● Exercise: Copy every line of the data in which the word "Body" occurs.

[Collection entries]
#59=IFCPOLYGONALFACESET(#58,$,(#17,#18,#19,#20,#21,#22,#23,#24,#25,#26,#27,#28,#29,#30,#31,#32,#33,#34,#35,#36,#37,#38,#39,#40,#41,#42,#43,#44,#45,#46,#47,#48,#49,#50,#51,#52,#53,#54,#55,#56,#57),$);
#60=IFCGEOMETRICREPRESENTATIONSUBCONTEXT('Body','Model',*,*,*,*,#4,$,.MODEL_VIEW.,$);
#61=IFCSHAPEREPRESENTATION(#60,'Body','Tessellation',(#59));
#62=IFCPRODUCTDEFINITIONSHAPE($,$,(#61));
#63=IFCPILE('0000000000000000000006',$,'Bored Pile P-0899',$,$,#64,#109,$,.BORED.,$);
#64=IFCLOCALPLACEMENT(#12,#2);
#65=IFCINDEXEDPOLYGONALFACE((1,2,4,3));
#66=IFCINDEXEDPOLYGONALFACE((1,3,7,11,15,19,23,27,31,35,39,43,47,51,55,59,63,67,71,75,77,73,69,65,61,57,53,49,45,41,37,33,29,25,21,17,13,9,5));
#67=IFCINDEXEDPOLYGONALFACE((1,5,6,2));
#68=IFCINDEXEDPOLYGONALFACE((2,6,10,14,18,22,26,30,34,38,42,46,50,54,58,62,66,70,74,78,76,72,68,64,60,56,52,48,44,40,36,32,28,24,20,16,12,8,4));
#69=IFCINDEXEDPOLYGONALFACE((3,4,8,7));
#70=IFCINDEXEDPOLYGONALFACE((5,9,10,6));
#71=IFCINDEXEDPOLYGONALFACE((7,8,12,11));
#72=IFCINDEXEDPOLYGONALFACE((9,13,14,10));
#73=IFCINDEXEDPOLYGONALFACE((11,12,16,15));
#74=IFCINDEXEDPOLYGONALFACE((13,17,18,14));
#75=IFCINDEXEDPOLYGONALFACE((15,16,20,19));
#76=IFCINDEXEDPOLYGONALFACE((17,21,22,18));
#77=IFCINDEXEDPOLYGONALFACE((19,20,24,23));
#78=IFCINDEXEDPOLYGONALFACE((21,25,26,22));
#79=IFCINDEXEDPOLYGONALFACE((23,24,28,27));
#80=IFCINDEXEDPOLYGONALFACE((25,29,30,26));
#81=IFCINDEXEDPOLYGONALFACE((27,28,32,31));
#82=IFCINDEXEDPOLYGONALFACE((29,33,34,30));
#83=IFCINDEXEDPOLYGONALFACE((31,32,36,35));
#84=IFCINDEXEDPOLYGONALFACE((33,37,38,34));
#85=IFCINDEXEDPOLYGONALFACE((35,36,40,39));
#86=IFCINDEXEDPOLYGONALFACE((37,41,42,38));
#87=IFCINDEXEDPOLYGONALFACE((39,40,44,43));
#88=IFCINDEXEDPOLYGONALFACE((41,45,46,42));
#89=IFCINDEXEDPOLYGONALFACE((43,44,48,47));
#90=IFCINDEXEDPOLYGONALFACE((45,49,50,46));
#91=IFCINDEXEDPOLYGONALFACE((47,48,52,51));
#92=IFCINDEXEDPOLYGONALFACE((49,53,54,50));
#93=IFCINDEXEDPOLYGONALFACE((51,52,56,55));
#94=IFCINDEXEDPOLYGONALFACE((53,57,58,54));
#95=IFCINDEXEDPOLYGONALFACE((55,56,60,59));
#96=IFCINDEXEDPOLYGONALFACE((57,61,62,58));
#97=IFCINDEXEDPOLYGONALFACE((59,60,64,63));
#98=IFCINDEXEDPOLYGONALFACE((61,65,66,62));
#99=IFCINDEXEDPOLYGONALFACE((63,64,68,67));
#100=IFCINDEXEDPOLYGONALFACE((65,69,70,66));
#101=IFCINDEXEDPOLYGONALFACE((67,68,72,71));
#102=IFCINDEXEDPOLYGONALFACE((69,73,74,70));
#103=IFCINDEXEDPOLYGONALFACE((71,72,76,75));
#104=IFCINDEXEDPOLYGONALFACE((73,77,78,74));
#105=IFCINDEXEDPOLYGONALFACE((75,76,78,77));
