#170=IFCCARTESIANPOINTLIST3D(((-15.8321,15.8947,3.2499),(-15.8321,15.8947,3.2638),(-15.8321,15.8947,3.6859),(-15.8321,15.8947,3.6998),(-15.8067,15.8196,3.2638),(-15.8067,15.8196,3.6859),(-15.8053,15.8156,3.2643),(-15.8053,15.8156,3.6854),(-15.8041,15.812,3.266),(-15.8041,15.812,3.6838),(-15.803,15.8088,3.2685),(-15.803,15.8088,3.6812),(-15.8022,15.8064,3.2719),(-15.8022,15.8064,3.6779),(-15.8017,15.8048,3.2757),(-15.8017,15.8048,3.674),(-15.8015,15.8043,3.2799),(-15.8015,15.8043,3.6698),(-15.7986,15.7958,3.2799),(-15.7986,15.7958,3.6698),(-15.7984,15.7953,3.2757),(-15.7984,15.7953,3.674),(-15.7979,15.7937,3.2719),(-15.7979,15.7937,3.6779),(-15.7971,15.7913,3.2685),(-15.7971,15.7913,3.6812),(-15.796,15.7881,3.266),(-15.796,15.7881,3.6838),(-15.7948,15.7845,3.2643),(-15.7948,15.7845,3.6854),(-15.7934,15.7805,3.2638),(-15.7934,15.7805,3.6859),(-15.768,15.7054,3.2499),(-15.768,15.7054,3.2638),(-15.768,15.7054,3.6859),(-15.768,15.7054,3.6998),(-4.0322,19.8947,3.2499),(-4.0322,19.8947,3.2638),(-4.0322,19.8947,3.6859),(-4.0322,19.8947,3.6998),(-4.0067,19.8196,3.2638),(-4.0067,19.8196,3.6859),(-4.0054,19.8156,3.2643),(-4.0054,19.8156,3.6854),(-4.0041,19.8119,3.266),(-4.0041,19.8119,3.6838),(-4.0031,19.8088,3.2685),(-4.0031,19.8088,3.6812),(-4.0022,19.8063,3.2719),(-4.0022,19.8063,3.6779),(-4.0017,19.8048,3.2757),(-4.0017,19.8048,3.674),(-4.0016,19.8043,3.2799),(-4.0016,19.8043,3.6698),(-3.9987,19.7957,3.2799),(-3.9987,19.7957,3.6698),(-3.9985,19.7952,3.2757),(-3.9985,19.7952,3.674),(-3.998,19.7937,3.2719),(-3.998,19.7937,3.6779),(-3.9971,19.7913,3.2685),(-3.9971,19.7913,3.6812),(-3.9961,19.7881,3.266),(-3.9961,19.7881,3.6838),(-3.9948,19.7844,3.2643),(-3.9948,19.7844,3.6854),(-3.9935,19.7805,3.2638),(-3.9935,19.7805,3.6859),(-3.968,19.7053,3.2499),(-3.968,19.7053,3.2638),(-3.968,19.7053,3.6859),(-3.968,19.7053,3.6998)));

● Solution to the problem:
#60=IFCGEOMETRICREPRESENTATIONSUBCONTEXT('Body','Model',*,*,*,*,#4,$,.MODEL_VIEW.,$);
#61=IFCSHAPEREPRESENTATION(#60,'Body','Tessellation',(#59));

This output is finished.